Saved data entries
* * * * *

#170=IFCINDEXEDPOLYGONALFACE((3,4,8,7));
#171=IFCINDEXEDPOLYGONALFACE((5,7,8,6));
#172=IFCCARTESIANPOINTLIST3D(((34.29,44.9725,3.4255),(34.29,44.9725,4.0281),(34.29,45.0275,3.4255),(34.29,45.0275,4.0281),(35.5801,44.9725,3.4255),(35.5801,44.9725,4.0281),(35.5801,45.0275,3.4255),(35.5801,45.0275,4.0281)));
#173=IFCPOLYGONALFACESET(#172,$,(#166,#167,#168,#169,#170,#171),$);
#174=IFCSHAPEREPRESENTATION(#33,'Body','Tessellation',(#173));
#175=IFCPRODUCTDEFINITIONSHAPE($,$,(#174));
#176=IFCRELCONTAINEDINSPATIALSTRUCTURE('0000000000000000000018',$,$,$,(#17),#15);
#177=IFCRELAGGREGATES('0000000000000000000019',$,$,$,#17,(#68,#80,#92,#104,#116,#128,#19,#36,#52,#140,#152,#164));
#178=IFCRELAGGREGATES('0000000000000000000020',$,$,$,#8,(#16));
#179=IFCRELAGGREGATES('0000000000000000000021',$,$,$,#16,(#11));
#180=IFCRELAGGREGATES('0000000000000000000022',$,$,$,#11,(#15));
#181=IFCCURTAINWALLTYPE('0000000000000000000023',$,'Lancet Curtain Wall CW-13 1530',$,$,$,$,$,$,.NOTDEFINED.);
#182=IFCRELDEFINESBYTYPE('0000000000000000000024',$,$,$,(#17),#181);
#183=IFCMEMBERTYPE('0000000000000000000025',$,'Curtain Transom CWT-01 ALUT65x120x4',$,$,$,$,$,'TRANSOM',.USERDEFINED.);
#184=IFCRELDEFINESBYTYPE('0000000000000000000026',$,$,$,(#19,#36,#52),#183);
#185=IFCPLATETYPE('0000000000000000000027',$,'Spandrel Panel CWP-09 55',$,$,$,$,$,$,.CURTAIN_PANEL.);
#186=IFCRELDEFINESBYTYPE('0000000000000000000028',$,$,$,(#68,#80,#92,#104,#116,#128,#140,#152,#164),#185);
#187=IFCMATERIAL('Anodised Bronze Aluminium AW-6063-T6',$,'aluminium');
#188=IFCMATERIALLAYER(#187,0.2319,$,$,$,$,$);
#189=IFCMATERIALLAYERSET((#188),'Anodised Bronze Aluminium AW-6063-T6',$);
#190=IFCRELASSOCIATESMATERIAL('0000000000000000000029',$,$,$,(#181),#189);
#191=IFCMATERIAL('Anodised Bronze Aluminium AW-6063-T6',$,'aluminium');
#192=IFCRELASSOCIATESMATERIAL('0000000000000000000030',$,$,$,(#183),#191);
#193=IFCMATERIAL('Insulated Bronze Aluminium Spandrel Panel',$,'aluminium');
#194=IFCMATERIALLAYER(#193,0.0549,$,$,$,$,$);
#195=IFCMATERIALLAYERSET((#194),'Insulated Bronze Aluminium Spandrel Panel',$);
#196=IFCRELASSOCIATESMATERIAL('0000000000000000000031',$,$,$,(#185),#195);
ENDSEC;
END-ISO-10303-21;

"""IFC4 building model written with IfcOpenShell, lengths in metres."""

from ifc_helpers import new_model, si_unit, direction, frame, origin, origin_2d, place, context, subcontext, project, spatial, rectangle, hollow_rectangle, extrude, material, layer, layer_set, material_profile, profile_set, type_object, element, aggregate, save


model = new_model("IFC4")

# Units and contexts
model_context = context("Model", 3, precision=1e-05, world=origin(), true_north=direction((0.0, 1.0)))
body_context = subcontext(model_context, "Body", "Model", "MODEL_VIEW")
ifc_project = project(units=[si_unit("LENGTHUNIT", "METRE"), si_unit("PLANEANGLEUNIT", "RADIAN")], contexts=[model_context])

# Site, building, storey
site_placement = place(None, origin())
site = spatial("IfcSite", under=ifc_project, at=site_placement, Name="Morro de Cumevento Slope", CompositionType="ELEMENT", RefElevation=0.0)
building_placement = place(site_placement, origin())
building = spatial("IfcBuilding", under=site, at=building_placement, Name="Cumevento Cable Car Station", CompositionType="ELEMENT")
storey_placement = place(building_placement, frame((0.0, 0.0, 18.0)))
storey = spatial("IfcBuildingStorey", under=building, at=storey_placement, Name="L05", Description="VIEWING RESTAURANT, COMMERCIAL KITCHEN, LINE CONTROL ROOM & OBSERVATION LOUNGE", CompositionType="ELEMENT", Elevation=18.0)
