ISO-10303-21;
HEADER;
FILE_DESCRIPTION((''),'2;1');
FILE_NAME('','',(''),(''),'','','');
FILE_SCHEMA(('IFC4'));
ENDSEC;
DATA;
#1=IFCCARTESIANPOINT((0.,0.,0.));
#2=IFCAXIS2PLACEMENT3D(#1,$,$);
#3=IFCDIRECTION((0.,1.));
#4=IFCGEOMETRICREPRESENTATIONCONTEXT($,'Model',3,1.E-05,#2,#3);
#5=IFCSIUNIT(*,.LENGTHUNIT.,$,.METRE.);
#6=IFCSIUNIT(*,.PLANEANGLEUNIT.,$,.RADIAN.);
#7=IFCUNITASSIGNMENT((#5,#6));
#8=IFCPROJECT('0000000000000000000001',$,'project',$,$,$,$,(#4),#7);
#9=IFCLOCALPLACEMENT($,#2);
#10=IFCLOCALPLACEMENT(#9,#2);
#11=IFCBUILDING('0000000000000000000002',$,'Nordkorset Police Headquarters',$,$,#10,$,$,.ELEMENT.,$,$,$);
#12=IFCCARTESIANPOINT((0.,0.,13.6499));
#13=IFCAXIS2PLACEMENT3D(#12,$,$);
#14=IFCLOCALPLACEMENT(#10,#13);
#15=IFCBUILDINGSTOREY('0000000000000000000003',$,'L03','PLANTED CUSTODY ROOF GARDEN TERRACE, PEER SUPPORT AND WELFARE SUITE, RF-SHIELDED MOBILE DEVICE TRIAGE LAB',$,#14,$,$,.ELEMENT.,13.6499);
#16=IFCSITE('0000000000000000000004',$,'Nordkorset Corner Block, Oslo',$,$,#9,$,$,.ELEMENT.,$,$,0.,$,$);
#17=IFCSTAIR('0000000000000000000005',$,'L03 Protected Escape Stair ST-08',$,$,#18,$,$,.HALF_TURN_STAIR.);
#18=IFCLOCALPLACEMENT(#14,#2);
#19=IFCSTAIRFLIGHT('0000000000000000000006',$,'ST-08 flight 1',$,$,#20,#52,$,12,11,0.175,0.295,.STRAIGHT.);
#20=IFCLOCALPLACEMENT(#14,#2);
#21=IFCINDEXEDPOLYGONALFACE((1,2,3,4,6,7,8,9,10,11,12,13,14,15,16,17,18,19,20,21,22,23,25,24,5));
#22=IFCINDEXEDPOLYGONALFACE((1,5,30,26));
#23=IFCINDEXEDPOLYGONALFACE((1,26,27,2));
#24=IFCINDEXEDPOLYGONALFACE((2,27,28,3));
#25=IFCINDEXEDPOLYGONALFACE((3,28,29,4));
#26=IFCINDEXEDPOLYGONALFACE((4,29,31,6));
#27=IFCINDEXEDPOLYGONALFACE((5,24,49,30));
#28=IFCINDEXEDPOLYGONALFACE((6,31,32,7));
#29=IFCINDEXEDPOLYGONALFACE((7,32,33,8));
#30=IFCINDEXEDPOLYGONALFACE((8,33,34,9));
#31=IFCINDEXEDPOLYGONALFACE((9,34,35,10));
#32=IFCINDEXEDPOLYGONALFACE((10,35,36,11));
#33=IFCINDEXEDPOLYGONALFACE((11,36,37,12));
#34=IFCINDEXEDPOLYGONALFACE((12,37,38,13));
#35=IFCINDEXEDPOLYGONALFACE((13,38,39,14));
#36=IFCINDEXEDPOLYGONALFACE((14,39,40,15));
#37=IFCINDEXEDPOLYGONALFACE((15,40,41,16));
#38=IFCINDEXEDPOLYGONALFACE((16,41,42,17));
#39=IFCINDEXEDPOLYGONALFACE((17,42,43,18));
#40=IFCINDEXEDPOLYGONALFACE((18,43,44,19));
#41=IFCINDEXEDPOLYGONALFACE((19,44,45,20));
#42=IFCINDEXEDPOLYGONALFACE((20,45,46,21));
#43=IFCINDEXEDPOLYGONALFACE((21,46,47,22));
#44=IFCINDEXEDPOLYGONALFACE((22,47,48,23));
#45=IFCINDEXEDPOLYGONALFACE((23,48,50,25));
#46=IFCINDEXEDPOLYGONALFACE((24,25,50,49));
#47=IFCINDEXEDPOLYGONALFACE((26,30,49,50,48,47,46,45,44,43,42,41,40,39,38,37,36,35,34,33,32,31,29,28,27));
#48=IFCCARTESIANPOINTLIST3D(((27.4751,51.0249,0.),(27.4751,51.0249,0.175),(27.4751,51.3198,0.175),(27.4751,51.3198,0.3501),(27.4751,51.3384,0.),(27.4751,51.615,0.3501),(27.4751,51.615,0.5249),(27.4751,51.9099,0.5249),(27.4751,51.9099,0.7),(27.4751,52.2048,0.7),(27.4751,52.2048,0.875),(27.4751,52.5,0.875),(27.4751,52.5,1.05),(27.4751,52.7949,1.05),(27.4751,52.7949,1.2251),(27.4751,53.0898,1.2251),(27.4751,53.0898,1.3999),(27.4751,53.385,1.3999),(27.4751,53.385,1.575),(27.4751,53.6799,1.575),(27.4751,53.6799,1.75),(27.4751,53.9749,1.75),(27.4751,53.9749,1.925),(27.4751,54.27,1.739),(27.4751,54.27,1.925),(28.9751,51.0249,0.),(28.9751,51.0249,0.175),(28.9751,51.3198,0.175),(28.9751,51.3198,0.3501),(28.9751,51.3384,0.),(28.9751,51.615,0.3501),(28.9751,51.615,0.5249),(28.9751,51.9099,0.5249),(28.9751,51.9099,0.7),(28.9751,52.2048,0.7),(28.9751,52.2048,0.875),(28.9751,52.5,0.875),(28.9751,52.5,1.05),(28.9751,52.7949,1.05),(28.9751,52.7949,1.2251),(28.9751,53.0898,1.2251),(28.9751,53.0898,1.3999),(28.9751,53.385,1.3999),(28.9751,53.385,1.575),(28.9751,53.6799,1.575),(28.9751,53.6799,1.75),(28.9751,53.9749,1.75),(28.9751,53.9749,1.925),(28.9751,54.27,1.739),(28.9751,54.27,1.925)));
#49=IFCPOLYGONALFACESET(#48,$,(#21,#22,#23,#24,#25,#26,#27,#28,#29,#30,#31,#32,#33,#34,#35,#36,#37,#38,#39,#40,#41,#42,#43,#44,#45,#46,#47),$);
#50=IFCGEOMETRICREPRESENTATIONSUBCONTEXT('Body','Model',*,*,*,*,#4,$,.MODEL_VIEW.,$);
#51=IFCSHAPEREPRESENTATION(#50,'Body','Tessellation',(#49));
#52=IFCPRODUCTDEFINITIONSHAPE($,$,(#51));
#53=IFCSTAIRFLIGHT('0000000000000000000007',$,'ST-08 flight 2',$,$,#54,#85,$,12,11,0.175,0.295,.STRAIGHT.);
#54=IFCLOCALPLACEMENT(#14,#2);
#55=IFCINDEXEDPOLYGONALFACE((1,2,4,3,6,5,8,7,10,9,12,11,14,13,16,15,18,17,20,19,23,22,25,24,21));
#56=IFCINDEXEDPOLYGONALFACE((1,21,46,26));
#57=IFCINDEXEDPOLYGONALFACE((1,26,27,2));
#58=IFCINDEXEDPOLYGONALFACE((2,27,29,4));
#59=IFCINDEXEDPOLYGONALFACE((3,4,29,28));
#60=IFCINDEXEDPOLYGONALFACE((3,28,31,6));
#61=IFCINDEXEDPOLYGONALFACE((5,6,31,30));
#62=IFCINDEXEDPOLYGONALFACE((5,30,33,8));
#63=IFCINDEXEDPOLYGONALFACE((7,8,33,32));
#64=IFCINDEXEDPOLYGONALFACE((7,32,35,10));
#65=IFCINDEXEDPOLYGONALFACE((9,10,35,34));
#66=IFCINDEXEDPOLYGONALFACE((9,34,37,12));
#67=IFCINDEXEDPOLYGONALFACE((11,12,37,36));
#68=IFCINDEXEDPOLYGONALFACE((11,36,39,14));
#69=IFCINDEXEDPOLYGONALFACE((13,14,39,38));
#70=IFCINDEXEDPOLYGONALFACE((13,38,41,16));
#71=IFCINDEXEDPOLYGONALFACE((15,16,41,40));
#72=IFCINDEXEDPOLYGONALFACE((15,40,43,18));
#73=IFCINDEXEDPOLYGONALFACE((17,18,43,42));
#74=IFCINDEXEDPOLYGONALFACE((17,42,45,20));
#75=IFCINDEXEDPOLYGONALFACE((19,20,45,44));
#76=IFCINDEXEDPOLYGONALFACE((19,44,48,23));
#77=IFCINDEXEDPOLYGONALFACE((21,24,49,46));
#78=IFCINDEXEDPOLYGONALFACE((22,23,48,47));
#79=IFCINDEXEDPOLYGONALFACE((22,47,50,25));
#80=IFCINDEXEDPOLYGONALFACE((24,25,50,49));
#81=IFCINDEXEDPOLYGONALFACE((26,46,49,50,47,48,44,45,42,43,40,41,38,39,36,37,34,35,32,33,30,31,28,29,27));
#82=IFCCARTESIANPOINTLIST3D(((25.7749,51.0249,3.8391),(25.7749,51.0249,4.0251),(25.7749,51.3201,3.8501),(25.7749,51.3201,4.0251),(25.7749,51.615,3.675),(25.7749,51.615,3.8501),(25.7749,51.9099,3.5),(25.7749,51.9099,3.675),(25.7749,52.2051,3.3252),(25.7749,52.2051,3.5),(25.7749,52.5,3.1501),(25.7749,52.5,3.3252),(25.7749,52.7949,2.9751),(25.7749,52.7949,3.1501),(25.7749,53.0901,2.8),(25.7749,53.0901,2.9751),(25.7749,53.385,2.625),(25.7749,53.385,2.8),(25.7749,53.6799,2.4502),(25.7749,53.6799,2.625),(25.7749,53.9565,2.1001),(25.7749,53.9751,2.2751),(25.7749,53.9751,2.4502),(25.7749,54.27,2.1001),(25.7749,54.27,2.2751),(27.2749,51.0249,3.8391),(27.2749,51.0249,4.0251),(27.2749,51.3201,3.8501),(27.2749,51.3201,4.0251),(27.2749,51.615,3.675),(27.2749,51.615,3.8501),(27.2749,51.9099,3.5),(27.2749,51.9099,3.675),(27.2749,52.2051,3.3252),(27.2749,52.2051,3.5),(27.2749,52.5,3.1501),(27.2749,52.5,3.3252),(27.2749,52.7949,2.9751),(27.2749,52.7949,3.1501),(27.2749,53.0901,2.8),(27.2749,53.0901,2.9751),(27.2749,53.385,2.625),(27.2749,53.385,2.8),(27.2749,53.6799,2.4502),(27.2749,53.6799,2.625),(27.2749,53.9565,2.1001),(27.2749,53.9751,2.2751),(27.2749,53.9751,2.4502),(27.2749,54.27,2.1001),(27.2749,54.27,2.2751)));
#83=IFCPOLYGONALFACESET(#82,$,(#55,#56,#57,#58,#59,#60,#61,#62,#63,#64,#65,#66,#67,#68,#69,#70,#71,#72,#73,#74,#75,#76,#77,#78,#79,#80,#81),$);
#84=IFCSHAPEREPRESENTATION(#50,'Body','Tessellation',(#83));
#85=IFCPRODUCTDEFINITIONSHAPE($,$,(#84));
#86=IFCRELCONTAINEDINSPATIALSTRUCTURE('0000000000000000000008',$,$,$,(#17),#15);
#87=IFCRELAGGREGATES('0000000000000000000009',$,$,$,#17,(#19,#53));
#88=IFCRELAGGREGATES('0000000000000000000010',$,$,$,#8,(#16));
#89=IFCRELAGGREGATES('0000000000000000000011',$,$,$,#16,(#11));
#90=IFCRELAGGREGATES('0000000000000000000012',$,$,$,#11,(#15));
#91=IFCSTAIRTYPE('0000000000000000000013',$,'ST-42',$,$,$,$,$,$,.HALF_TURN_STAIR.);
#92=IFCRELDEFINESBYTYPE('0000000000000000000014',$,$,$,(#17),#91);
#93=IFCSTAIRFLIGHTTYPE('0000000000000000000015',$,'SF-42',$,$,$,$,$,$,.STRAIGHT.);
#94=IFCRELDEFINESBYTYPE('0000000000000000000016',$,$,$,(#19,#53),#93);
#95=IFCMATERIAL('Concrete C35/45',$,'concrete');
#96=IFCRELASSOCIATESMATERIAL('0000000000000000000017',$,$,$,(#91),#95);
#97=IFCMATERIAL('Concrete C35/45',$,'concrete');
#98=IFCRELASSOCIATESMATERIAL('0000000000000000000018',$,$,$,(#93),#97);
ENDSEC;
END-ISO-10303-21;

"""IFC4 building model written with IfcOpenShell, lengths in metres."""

from ifc_helpers import new_model, si_unit, direction, frame, origin, place, context, subcontext, project, spatial, polyline, outline, extrude, material, type_object, element, aggregate, save


model = new_model("IFC4")

# Units and contexts
model_context = context("Model", 3, precision=1e-05, world=origin(), true_north=direction((0.0, 1.0)))
body_context = subcontext(model_context, "Body", "Model", "MODEL_VIEW")
ifc_project = project(units=[si_unit("LENGTHUNIT", "METRE"), si_unit("PLANEANGLEUNIT", "RADIAN")], contexts=[model_context])

# Site, building, storey
site_placement = place(None, origin())
site = spatial("IfcSite", under=ifc_project, at=site_placement, Name="Nordkorset Corner Block, Oslo", CompositionType="ELEMENT", RefElevation=0.0)
building_placement = place(site_placement, origin())
building = spatial("IfcBuilding", under=site, at=building_placement, Name="Nordkorset Police Headquarters", CompositionType="ELEMENT")
storey_placement = place(building_placement, frame((0.0, 0.0, 13.6499)))
storey = spatial("IfcBuildingStorey", under=building, at=storey_placement, Name="L03", Description="PLANTED CUSTODY ROOF GARDEN TERRACE, PEER SUPPORT AND WELFARE SUITE, RF-SHIELDED MOBILE DEVICE TRIAGE LAB", CompositionType="ELEMENT", Elevation=13.6499)

# Stair, stair flights
ifc_material_1 = material(Name="Concrete C35/45", Category="concrete")
stair_type = type_object("IfcStairType", Name="ST-42", PredefinedType="HALF_TURN_STAIR", material=ifc_material_1)
stair_placement = place(storey_placement, origin())
stair = element("IfcStair", 1, at=stair_placement, inside=storey, type_object=stair_type, Name="L03 Protected Escape Stair ST-08", PredefinedType="HALF_TURN_STAIR")
ifc_material_2 = material(Name="Concrete C35/45", Category="concrete")
stair_flight_type = type_object("IfcStairFlightType", Name="SF-42", PredefinedType="STRAIGHT", material=ifc_material_2)
stair_flight_1_placement = place(storey_placement, frame((28.2251, 51.0249, 0.0), z_axis=(0.0, 0.0, 1.0), x_axis=(0.0, 1.0, 0.0)))
stair_flight_1 = element("IfcStairFlight", 2, at=stair_flight_1_placement, type_object=stair_flight_type, Name="ST-08 flight 1", NumberOfRisers=12, NumberOfTreads=11, PredefinedType="STRAIGHT", RiserHeight=0.175, TreadLength=0.295, context=body_context, shape_type="SweptSolid", body=[
    extrude(outline(polyline([(0.0, 0.0), (0.0, 0.175), (0.2949, 0.175), (0.2949, 0.3501), (0.5901, 0.3501), (0.5901, 0.5249), (0.885, 0.5249), (0.885, 0.7), (1.1799, 0.7), (1.1799, 0.875), (1.4751, 0.875), (1.4751, 1.05), (1.77, 1.05), (1.77, 1.2251), (2.0649, 1.2251), (2.0649, 1.3999), (2.3601, 1.3999), (2.3601, 1.575), (2.655, 1.575), (2.655, 1.75), (2.95, 1.75), (2.95, 1.925), (3.2451, 1.925), (3.2451, 2.1001), (3.2451, 1.739), (0.3135, 0.0), (0.0, 0.0)])), frame((0.0, 0.75, 0.0), z_axis=(0.0, -1.0, 0.0), x_axis=(1.0, 0.0, 0.0)), (0.0, 0.0, 1.0), 1.5),
])
stair_flight_2_placement = place(storey_placement, frame((26.5249, 54.27, 2.1001), z_axis=(0.0, 0.0, 1.0), x_axis=(0.0, -1.0, 0.0)))
stair_flight_2 = element("IfcStairFlight", 3, at=stair_flight_2_placement, type_object=stair_flight_type, Name="ST-08 flight 2", NumberOfRisers=12, NumberOfTreads=11, PredefinedType="STRAIGHT", RiserHeight=0.175, TreadLength=0.295, context=body_context, shape_type="SweptSolid", body=[
    extrude(outline(polyline([(0.0, 0.0), (0.0, 0.175), (0.2949, 0.175), (0.2949, 0.3501), (0.5901, 0.3501), (0.5901, 0.5249), (0.885, 0.5249), (0.885, 0.7), (1.1799, 0.7), (1.1799, 0.875), (1.4751, 0.875), (1.4751, 1.05), (1.77, 1.05), (1.77, 1.2251), (2.0649, 1.2251), (2.0649, 1.3999), (2.3601, 1.3999), (2.3601, 1.575), (2.655, 1.575), (2.655, 1.75), (2.95, 1.75), (2.95, 1.925), (3.2451, 1.925), (3.2451, 2.1001), (3.2451, 1.739), (0.3135, 0.0), (0.0, 0.0)])), frame((0.0, 0.75, 0.0), z_axis=(0.0, -1.0, 0.0), x_axis=(1.0, 0.0, 0.0)), (0.0, 0.0, 1.0), 1.5),
])
aggregate(stair, [stair_flight_1, stair_flight_2])

save(model, "model.ifc")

* * * * *

> _WHAT NEEDS TO BE DONE_:
In the entries above, find the line holding "#54=IFCLOCALPLACEMENT(#14,#2);" and the line holding "#63=IFCINDEXEDPOLYGONALFACE((7,8,33,32));", then retype exactly those two lines and every line between them, and nothing else.

> _OUTPUT BELOW_:
#54=IFCLOCALPLACEMENT(#14,#2);
#55=IFCINDEXEDPOLYGONALFACE((1,2,4,3,6,5,8,7,10,9,12,11,14,13,16,15,18,17,20,19,23,22,25,24,21));
#56=IFCINDEXEDPOLYGONALFACE((1,21,46,26));
#57=IFCINDEXEDPOLYGONALFACE((1,26,27,2));
#58=IFCINDEXEDPOLYGONALFACE((2,27,29,4));
#59=IFCINDEXEDPOLYGONALFACE((3,4,29,28));
#60=IFCINDEXEDPOLYGONALFACE((3,28,31,6));
#61=IFCINDEXEDPOLYGONALFACE((5,6,31,30));
#62=IFCINDEXEDPOLYGONALFACE((5,30,33,8));
#63=IFCINDEXEDPOLYGONALFACE((7,8,33,32));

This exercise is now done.